* _GIVEN INFORMATION_:
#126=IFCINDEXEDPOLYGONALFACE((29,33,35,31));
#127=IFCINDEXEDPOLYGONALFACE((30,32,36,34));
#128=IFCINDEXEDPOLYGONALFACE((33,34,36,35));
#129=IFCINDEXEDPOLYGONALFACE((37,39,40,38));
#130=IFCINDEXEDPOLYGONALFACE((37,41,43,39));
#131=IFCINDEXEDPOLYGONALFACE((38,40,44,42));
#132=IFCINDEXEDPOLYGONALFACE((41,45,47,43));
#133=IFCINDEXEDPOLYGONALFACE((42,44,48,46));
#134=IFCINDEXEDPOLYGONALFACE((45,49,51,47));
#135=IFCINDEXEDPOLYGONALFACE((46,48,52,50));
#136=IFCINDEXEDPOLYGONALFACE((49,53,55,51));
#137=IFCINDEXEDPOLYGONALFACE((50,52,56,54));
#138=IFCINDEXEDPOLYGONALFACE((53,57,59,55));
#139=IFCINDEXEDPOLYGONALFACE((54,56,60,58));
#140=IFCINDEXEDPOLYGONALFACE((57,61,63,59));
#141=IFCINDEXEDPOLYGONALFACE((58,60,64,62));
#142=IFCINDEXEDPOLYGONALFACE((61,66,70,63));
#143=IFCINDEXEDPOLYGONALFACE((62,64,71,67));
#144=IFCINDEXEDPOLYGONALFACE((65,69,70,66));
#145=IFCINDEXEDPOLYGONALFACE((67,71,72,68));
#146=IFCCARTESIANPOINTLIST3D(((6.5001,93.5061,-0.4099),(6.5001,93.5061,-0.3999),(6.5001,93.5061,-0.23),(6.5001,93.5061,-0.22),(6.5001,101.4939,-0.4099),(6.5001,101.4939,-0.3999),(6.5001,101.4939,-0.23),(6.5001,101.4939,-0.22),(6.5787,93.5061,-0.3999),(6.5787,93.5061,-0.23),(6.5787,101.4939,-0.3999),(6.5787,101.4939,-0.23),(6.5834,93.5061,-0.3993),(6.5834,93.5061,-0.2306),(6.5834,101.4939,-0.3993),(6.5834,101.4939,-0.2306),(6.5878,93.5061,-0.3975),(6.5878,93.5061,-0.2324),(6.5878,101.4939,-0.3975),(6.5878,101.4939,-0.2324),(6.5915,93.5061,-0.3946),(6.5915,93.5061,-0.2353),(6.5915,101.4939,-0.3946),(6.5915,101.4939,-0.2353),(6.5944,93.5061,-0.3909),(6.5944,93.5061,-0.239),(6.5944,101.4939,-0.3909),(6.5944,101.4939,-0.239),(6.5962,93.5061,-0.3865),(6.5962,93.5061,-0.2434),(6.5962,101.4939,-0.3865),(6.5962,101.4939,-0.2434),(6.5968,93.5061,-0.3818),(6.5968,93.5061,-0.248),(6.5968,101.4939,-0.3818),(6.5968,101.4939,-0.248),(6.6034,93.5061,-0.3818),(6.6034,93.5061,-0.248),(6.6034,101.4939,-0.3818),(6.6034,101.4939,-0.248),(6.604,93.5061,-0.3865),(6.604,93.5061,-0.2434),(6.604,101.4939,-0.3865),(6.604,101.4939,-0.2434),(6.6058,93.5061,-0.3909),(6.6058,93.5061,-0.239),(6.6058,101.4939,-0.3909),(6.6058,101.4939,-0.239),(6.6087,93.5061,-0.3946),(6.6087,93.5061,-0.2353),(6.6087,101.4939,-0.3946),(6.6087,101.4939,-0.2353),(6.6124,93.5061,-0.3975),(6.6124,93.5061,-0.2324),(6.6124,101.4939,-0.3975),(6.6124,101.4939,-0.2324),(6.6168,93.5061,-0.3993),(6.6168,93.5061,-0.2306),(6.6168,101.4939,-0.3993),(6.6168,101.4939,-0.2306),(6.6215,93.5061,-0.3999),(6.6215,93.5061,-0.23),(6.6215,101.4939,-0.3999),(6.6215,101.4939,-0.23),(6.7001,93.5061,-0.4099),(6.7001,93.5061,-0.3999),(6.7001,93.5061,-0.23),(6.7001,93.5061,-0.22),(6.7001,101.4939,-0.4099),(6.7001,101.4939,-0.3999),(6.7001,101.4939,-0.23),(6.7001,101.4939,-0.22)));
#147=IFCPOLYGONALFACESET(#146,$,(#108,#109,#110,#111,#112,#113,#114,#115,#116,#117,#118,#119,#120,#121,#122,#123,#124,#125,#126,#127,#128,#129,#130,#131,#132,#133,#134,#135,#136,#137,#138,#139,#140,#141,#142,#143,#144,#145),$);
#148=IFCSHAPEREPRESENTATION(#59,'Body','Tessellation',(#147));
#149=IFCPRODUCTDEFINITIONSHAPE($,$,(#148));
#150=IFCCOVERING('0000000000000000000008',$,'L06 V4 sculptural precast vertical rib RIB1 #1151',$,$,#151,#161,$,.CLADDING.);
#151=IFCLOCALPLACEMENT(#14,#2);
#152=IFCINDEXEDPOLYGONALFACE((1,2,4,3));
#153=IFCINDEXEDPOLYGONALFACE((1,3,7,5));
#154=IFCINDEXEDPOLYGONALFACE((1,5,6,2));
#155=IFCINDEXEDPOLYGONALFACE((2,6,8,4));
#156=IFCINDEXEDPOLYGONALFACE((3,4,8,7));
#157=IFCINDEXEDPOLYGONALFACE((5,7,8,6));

---

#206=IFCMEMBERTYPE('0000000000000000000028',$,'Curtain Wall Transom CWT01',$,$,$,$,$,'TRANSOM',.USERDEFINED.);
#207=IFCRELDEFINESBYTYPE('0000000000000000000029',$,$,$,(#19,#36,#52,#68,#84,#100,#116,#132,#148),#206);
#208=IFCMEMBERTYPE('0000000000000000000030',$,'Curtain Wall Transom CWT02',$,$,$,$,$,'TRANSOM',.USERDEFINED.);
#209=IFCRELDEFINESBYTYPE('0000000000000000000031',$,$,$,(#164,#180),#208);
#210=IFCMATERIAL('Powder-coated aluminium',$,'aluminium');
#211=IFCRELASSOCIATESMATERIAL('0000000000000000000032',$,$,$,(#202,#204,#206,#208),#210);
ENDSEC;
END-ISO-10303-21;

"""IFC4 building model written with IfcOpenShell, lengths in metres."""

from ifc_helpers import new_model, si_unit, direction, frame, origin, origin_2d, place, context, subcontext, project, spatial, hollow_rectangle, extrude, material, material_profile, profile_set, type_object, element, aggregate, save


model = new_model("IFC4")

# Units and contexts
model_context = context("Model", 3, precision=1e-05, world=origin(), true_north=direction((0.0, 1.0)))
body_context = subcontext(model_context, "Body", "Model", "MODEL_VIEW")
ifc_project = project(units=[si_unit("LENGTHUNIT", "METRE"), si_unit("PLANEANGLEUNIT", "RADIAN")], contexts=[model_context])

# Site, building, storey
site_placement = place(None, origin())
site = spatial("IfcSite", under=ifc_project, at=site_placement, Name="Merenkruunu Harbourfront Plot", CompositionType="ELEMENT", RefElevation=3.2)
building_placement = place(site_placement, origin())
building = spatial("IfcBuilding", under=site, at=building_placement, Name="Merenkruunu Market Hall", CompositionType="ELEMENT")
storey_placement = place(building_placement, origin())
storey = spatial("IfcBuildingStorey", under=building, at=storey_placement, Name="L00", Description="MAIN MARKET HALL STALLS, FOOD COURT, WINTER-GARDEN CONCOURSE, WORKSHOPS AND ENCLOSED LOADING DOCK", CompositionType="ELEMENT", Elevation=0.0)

* _GOAL OF THE EXERCISE_: Of the lines above, retype only those from the line containing "#129=IFCINDEXEDPOLYGONALFACE((37,39,40,38));" through the line containing "#145=IFCINDEXEDPOLYGONALFACE((67,71,72,68));", including both, exactly.

* _WORKED SOLUTION_:
#129=IFCINDEXEDPOLYGONALFACE((37,39,40,38));
#130=IFCINDEXEDPOLYGONALFACE((37,41,43,39));
#131=IFCINDEXEDPOLYGONALFACE((38,40,44,42));
#132=IFCINDEXEDPOLYGONALFACE((41,45,47,43));
#133=IFCINDEXEDPOLYGONALFACE((42,44,48,46));
#134=IFCINDEXEDPOLYGONALFACE((45,49,51,47));
#135=IFCINDEXEDPOLYGONALFACE((46,48,52,50));
#136=IFCINDEXEDPOLYGONALFACE((49,53,55,51));
#137=IFCINDEXEDPOLYGONALFACE((50,52,56,54));
#138=IFCINDEXEDPOLYGONALFACE((53,57,59,55));
#139=IFCINDEXEDPOLYGONALFACE((54,56,60,58));
#140=IFCINDEXEDPOLYGONALFACE((57,61,63,59));
#141=IFCINDEXEDPOLYGONALFACE((58,60,64,62));
#142=IFCINDEXEDPOLYGONALFACE((61,66,70,63));
#143=IFCINDEXEDPOLYGONALFACE((62,64,71,67));
#144=IFCINDEXEDPOLYGONALFACE((65,69,70,66));
#145=IFCINDEXEDPOLYGONALFACE((67,71,72,68));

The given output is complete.